(Beginning of Input)

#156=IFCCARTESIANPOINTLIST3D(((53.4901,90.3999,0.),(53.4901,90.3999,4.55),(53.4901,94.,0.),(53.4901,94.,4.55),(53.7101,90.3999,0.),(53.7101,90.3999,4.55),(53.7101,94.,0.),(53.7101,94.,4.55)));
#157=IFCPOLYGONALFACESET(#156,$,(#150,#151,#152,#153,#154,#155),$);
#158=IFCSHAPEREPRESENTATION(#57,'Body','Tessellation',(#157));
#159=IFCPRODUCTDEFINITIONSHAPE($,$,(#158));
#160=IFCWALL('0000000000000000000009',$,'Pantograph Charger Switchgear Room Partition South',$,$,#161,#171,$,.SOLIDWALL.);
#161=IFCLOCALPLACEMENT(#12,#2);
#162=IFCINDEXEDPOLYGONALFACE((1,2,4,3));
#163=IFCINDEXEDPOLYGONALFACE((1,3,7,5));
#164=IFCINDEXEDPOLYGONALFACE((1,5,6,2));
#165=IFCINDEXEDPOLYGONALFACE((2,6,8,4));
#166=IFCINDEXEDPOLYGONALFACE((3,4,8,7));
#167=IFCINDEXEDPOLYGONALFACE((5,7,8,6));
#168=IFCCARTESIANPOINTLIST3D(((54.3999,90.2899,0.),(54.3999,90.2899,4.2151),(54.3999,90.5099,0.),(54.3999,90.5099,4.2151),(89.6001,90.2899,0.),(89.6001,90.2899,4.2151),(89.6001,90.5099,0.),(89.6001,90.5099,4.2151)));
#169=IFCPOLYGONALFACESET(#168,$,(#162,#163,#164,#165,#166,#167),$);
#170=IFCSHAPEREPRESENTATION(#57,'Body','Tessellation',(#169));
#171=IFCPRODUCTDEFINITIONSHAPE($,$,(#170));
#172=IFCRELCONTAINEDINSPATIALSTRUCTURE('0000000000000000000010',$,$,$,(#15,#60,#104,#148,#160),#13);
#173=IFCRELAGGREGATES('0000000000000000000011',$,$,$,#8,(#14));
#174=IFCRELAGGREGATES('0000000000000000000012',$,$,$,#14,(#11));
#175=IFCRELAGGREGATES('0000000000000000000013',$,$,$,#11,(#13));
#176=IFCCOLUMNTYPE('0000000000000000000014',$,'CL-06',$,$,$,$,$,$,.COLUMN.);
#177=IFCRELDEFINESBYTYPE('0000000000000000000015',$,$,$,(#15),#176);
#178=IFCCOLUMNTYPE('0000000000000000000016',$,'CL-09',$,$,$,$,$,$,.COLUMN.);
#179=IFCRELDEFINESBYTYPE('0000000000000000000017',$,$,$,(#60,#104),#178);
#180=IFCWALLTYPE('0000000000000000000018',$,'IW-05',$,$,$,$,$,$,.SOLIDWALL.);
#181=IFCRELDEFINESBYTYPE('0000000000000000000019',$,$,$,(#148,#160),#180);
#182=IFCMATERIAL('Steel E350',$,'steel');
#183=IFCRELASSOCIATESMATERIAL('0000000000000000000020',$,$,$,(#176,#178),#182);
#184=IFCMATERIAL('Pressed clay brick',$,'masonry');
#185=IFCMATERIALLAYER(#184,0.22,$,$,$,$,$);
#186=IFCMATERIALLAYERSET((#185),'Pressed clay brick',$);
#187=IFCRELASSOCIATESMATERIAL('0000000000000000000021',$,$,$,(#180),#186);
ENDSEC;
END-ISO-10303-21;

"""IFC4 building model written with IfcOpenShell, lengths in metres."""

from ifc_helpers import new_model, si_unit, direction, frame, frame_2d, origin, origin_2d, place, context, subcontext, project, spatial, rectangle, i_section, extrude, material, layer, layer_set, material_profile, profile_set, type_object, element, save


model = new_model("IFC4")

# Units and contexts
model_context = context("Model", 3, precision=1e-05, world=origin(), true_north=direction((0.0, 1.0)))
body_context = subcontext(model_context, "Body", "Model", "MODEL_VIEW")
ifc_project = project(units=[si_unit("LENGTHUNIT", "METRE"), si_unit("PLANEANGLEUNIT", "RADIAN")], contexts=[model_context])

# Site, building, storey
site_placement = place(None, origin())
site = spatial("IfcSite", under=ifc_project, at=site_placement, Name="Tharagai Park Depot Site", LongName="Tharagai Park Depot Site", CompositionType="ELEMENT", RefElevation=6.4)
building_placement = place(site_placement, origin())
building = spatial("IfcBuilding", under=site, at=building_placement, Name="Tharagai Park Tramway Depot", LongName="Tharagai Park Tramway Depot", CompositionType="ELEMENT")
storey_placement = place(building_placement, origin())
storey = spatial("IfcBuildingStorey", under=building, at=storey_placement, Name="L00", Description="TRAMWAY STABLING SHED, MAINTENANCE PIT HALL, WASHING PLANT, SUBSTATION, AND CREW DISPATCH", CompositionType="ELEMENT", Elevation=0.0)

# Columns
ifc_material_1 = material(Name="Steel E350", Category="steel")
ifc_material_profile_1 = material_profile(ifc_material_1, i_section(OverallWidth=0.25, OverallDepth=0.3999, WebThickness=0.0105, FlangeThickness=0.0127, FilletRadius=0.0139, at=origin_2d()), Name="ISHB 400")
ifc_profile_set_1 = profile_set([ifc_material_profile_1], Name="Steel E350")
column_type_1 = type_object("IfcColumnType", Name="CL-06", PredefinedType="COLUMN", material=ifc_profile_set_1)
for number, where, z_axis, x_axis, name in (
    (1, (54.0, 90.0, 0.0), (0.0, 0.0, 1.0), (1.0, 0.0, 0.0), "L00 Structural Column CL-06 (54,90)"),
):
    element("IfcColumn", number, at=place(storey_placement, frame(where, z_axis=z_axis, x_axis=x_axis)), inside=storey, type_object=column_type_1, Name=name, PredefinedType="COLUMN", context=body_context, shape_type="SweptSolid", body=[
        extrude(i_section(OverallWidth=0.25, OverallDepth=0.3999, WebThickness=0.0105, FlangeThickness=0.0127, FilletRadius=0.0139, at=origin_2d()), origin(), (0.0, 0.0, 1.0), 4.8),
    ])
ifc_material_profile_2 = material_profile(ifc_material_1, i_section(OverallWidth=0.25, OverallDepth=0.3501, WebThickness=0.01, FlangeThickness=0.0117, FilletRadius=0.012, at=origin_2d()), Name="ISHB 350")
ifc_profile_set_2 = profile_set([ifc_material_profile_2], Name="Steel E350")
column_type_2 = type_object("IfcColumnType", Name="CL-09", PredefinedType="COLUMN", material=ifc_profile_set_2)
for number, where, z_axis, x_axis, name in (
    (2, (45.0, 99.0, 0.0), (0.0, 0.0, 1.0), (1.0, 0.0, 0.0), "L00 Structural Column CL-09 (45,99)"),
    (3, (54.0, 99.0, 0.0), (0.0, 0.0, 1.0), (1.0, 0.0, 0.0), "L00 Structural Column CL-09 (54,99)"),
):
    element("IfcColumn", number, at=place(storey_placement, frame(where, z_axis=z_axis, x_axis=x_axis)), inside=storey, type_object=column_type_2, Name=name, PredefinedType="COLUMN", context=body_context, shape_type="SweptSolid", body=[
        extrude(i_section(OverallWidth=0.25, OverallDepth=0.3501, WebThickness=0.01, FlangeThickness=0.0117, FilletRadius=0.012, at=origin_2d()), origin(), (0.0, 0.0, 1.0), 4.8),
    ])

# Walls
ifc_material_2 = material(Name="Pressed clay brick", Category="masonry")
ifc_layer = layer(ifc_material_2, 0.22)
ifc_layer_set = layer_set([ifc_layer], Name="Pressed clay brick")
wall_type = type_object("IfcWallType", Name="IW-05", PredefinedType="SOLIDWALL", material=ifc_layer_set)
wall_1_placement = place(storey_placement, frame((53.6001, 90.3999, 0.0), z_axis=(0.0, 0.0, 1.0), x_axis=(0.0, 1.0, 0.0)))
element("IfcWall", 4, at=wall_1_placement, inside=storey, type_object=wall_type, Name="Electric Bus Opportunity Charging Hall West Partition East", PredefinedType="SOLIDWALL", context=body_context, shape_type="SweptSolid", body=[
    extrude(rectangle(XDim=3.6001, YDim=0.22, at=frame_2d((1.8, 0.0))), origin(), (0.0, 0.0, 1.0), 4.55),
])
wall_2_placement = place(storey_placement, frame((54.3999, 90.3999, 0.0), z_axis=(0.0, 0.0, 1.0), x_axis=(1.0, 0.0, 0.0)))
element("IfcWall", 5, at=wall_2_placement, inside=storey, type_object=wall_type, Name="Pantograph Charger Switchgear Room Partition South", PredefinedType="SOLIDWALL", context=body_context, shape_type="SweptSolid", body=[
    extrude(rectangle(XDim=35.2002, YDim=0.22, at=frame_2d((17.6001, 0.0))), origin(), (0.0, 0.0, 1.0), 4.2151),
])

(End of Input)

> [What the task asks]
Reply by stating only how many lines in the listing hold the word "Room".

> [Result for this exercise]
2